TASK GOAL: Go to the line holding "#59=IFCLOCALPLACEMENT(#14,#2);" in the entries below and write out exactly every line down to and including the line holding "#83=IFCLOCALPLACEMENT(#14,#2);".

[Collected data entries]
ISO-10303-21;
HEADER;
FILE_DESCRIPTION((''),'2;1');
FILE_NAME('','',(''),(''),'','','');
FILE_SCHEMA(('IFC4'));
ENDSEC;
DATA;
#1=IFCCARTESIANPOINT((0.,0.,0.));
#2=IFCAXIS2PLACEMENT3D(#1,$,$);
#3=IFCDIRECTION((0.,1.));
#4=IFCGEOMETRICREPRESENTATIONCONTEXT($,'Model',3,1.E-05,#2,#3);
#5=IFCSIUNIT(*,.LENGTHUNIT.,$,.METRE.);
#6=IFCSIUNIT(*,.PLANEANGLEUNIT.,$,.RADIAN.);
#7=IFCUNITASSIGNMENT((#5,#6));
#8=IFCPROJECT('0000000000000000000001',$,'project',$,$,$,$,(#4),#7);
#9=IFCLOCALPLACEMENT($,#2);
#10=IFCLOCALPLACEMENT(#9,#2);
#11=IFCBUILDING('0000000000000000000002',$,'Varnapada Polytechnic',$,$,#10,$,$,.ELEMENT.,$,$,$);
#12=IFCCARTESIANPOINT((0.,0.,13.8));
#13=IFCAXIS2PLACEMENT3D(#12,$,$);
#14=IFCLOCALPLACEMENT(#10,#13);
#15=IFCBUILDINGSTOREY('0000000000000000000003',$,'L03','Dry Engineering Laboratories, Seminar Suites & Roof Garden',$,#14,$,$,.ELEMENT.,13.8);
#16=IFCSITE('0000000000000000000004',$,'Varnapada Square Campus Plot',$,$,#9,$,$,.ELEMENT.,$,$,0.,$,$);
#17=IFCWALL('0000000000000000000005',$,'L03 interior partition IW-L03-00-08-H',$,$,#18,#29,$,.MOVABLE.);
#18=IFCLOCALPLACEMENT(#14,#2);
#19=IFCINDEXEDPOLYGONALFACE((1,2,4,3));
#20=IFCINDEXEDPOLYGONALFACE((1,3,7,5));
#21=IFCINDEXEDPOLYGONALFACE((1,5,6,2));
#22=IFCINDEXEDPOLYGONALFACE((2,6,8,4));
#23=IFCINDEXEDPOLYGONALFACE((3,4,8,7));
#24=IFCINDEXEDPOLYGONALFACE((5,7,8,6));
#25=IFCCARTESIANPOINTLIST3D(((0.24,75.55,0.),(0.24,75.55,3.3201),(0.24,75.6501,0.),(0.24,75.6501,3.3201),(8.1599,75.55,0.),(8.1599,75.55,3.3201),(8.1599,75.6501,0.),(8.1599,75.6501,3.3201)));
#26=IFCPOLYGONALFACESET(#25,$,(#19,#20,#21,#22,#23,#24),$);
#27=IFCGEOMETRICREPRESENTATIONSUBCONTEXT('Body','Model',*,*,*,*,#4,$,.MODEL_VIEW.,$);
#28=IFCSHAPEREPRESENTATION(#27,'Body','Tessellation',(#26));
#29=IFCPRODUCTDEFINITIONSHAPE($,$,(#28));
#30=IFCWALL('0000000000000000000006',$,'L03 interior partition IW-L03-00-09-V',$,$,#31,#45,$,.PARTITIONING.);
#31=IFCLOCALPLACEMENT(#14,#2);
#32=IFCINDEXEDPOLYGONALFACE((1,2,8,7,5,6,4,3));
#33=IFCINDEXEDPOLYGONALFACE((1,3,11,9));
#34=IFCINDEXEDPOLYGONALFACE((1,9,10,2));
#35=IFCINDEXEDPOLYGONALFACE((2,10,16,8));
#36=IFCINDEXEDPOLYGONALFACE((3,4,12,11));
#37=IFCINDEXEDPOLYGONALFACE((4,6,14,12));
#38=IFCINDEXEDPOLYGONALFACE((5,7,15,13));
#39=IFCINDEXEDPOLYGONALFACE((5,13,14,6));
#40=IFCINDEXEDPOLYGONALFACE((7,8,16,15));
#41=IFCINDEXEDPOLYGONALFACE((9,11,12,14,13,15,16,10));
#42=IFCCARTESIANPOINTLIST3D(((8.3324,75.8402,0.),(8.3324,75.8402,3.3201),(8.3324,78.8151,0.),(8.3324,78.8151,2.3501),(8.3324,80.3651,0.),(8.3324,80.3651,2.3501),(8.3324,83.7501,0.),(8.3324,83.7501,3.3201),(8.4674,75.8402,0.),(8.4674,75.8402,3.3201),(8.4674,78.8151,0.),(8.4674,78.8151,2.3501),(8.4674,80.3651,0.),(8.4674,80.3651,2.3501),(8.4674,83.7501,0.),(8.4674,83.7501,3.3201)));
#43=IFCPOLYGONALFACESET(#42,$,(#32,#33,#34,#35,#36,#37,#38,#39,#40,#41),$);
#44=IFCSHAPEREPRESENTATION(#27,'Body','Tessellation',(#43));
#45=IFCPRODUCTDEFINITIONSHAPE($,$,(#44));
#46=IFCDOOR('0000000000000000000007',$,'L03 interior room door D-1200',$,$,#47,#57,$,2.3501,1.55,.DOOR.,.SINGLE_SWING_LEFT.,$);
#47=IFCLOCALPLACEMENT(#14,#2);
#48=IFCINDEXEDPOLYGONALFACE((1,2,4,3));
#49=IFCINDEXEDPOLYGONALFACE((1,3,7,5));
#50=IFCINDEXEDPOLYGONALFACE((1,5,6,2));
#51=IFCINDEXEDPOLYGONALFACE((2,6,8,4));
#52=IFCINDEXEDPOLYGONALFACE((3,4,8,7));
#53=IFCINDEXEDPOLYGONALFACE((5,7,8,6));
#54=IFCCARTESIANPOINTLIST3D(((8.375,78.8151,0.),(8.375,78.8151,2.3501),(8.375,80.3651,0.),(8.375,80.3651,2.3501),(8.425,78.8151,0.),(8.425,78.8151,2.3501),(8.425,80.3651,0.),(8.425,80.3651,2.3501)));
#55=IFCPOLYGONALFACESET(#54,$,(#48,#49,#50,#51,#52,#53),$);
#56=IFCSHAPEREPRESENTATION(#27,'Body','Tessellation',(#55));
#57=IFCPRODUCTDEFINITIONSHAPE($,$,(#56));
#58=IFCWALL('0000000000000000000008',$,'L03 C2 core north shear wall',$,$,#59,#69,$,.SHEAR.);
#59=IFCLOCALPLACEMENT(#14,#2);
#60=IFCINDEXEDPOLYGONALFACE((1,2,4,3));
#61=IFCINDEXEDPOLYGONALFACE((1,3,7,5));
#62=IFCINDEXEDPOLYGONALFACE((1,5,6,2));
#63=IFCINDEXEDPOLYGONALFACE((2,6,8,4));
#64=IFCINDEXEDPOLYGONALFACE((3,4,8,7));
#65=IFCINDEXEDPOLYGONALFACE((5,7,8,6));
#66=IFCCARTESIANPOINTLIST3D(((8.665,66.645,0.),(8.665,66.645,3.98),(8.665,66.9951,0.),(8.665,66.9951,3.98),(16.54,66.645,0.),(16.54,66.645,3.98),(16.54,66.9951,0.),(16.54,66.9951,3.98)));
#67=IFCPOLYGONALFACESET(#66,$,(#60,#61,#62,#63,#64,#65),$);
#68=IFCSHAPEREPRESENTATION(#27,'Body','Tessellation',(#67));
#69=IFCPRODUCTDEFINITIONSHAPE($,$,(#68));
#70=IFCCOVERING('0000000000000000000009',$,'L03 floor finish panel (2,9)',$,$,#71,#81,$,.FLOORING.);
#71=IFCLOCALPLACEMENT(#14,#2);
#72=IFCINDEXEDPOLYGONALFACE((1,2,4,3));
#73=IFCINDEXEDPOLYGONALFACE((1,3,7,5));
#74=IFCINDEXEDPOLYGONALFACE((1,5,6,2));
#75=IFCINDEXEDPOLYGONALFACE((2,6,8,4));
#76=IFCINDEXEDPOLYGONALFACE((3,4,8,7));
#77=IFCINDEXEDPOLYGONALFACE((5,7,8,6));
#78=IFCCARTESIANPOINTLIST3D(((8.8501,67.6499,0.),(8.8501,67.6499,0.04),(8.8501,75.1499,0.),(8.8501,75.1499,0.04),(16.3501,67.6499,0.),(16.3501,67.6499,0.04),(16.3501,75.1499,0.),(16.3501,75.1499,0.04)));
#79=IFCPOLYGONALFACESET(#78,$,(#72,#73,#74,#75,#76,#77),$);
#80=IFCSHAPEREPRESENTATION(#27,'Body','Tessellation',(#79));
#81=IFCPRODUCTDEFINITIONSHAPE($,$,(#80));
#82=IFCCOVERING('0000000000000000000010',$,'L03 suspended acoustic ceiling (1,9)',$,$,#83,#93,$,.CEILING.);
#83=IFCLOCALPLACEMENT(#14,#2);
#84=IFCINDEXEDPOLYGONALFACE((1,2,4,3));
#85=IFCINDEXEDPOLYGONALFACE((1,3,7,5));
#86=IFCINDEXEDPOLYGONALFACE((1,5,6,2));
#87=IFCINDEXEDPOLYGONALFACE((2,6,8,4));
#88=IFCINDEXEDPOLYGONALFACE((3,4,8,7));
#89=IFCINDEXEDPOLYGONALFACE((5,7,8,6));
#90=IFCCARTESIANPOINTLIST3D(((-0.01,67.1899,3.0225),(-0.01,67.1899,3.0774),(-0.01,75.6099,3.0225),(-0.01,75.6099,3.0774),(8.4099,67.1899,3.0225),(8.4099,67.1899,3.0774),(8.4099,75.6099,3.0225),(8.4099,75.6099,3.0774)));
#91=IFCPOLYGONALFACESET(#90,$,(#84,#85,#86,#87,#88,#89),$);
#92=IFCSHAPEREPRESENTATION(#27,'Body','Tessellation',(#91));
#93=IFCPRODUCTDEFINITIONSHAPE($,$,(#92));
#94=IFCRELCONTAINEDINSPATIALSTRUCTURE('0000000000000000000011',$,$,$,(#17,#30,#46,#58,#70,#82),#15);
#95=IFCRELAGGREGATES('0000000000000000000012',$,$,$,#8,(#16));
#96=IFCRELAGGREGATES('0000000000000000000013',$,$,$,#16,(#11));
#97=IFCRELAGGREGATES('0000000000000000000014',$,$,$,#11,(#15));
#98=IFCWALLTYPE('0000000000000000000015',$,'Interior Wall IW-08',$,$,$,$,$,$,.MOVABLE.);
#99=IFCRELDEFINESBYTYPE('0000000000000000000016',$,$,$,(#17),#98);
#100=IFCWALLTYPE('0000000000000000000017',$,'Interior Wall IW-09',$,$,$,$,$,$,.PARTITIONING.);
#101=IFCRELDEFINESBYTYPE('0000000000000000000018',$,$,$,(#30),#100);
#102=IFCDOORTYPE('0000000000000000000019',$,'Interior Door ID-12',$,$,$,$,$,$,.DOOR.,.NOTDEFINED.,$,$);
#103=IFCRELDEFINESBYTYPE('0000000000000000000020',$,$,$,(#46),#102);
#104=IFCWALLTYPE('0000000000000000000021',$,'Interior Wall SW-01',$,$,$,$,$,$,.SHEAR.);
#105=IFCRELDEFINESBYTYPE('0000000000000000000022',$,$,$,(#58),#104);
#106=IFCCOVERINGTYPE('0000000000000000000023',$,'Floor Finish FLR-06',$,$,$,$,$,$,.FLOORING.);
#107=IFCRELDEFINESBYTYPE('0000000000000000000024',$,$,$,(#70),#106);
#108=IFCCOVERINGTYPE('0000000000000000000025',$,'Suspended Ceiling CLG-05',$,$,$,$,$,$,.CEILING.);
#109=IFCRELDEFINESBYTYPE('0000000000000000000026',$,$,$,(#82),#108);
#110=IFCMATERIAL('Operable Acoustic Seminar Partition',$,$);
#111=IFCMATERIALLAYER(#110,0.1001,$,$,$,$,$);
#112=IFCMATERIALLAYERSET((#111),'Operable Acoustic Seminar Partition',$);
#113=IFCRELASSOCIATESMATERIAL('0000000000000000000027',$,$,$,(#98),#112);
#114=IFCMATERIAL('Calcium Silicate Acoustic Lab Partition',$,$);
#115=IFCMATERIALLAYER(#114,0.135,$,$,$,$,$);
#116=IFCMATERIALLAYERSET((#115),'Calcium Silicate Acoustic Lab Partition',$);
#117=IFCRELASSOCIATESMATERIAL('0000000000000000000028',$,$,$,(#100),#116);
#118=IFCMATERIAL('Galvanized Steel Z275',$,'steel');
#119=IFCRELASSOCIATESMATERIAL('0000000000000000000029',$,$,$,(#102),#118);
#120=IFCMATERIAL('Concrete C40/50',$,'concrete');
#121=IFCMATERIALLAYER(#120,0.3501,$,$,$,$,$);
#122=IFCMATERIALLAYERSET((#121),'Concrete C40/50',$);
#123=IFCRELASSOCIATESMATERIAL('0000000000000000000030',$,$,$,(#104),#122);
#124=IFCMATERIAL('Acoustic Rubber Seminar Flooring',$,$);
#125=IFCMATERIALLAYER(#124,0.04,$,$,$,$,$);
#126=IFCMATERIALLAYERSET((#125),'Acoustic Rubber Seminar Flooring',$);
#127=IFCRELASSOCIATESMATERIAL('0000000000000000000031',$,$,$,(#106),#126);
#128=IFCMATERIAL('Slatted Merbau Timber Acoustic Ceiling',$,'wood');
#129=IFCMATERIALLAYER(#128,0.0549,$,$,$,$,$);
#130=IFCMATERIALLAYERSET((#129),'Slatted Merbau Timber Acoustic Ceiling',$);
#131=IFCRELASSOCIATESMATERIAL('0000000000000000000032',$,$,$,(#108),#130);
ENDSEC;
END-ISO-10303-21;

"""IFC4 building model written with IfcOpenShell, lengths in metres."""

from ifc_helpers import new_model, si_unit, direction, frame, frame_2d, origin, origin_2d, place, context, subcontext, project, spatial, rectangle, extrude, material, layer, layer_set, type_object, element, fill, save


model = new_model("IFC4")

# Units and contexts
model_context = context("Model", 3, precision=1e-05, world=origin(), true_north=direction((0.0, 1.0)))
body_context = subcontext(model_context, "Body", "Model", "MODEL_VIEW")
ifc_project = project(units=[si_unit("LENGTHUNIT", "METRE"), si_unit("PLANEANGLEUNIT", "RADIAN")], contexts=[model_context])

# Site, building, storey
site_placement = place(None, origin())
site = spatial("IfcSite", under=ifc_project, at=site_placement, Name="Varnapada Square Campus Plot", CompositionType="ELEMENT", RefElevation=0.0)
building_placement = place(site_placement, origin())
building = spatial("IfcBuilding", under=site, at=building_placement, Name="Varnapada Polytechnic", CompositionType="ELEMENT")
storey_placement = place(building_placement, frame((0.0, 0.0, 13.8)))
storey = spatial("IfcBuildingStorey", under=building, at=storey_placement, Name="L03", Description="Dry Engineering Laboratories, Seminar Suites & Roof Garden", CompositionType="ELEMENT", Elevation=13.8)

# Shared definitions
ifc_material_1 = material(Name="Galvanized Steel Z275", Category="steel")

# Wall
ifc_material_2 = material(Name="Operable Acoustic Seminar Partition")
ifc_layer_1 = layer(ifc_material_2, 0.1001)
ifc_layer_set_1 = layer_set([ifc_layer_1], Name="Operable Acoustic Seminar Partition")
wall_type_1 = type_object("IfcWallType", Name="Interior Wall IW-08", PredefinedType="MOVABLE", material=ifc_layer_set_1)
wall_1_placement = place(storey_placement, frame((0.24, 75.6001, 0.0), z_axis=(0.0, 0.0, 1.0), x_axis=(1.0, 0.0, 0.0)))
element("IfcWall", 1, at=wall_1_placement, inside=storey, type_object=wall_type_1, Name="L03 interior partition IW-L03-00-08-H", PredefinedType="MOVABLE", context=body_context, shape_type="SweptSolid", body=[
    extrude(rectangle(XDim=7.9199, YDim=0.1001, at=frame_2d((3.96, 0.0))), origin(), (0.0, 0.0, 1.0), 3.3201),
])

TASK SOLUTION:
#59=IFCLOCALPLACEMENT(#14,#2);
#60=IFCINDEXEDPOLYGONALFACE((1,2,4,3));
#61=IFCINDEXEDPOLYGONALFACE((1,3,7,5));
#62=IFCINDEXEDPOLYGONALFACE((1,5,6,2));
#63=IFCINDEXEDPOLYGONALFACE((2,6,8,4));
#64=IFCINDEXEDPOLYGONALFACE((3,4,8,7));
#65=IFCINDEXEDPOLYGONALFACE((5,7,8,6));
#66=IFCCARTESIANPOINTLIST3D(((8.665,66.645,0.),(8.665,66.645,3.98),(8.665,66.9951,0.),(8.665,66.9951,3.98),(16.54,66.645,0.),(16.54,66.645,3.98),(16.54,66.9951,0.),(16.54,66.9951,3.98)));
#67=IFCPOLYGONALFACESET(#66,$,(#60,#61,#62,#63,#64,#65),$);
#68=IFCSHAPEREPRESENTATION(#27,'Body','Tessellation',(#67));
#69=IFCPRODUCTDEFINITIONSHAPE($,$,(#68));
#70=IFCCOVERING('0000000000000000000009',$,'L03 floor finish panel (2,9)',$,$,#71,#81,$,.FLOORING.);
#71=IFCLOCALPLACEMENT(#14,#2);
#72=IFCINDEXEDPOLYGONALFACE((1,2,4,3));
#73=IFCINDEXEDPOLYGONALFACE((1,3,7,5));
#74=IFCINDEXEDPOLYGONALFACE((1,5,6,2));
#75=IFCINDEXEDPOLYGONALFACE((2,6,8,4));
#76=IFCINDEXEDPOLYGONALFACE((3,4,8,7));
#77=IFCINDEXEDPOLYGONALFACE((5,7,8,6));
#78=IFCCARTESIANPOINTLIST3D(((8.8501,67.6499,0.),(8.8501,67.6499,0.04),(8.8501,75.1499,0.),(8.8501,75.1499,0.04),(16.3501,67.6499,0.),(16.3501,67.6499,0.04),(16.3501,75.1499,0.),(16.3501,75.1499,0.04)));
#79=IFCPOLYGONALFACESET(#78,$,(#72,#73,#74,#75,#76,#77),$);
#80=IFCSHAPEREPRESENTATION(#27,'Body','Tessellation',(#79));
#81=IFCPRODUCTDEFINITIONSHAPE($,$,(#80));
#82=IFCCOVERING('0000000000000000000010',$,'L03 suspended acoustic ceiling (1,9)',$,$,#83,#93,$,.CEILING.);
#83=IFCLOCALPLACEMENT(#14,#2);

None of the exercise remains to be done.